* What is needed:
Please go through the listing below and count the lines where the string "given" appears. Answer with the number only.

* Data extract:
☆ ☆ ☆ ☆ ☆ ☆ ☆
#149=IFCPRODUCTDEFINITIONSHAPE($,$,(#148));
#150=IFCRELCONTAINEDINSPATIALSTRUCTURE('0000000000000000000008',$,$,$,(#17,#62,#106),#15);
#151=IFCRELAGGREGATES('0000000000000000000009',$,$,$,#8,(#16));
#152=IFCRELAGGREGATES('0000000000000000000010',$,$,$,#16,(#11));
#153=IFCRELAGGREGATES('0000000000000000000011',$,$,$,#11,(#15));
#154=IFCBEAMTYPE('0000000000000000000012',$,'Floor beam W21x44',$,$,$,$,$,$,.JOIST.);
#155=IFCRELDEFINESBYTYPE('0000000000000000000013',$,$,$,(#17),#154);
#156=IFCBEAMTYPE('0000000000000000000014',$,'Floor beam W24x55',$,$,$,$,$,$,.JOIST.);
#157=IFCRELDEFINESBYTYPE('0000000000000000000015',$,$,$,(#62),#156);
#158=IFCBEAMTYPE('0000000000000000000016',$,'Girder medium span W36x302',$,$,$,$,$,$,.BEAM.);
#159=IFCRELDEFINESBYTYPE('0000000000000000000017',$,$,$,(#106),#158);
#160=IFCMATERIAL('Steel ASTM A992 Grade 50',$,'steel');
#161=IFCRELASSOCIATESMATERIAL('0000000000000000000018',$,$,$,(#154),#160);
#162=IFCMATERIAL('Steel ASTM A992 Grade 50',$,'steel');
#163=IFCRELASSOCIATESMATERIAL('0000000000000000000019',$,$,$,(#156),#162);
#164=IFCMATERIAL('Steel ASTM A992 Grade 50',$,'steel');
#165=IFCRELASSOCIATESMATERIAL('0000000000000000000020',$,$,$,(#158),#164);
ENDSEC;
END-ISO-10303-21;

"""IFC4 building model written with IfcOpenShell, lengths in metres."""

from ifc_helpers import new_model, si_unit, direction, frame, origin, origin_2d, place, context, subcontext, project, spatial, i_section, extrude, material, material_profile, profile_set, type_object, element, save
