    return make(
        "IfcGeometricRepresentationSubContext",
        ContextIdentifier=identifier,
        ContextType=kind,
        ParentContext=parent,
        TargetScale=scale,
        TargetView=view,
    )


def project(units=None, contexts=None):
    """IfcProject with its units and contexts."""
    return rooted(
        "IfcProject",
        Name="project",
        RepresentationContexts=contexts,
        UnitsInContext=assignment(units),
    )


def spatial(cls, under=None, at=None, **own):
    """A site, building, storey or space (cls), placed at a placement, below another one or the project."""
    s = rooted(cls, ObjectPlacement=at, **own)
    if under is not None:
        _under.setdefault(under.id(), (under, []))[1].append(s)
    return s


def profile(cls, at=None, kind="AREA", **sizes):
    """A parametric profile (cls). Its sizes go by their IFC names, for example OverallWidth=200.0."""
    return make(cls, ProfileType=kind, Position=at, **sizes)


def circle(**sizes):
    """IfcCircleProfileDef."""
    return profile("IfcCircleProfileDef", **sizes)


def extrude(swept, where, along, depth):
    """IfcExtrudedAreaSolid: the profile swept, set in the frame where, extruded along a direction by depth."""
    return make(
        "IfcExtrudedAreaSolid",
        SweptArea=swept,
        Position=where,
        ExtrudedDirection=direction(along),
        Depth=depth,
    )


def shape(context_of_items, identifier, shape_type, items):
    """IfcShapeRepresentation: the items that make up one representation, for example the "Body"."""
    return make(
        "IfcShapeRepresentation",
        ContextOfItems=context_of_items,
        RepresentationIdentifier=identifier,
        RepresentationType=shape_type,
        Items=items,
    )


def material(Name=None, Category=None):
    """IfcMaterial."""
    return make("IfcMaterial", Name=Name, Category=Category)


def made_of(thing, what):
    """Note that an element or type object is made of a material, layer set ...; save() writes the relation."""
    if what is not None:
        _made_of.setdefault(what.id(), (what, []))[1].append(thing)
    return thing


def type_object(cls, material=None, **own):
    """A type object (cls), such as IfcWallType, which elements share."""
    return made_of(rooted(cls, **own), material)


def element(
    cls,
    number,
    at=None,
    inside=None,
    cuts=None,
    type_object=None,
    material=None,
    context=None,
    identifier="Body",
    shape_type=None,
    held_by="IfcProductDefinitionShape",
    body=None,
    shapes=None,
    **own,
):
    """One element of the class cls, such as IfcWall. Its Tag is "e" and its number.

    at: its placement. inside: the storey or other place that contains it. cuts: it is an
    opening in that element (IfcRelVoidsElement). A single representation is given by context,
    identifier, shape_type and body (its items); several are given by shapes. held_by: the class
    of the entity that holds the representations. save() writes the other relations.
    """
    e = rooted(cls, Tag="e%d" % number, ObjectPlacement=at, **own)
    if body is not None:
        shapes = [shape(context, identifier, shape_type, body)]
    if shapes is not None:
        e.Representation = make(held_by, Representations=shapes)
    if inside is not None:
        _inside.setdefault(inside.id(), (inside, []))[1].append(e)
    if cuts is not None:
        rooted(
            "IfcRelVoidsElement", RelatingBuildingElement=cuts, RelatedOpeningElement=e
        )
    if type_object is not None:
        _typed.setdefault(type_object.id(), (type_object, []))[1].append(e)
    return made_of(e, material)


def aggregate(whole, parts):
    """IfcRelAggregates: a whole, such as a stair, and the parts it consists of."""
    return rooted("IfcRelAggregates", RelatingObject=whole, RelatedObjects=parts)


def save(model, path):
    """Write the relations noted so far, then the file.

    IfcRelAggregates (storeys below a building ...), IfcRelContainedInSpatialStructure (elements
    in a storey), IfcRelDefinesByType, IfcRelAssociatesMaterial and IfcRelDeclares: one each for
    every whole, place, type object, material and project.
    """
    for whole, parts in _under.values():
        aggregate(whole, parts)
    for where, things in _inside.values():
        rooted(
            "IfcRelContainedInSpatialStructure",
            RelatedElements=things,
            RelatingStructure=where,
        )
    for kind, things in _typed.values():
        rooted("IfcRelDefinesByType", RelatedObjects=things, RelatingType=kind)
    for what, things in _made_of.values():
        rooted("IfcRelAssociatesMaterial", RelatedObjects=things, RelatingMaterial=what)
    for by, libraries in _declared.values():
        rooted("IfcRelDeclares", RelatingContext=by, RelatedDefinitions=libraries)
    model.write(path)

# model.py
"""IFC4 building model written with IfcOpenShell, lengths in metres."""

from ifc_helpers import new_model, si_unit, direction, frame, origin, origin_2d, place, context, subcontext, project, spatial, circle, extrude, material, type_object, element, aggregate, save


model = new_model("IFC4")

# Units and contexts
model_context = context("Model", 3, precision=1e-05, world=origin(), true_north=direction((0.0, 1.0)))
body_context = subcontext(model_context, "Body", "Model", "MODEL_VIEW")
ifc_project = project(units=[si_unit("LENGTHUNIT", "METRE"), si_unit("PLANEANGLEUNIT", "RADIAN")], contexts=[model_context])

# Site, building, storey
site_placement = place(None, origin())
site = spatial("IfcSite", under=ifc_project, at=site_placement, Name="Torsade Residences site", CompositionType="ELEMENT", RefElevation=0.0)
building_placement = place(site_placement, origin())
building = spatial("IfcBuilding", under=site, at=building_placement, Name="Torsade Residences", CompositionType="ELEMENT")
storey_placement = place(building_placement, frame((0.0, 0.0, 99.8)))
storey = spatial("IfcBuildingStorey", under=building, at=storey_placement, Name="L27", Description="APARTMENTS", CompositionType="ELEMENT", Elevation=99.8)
☆ ☆ ☆ ☆ ☆ ☆ ☆
* Task solution:
2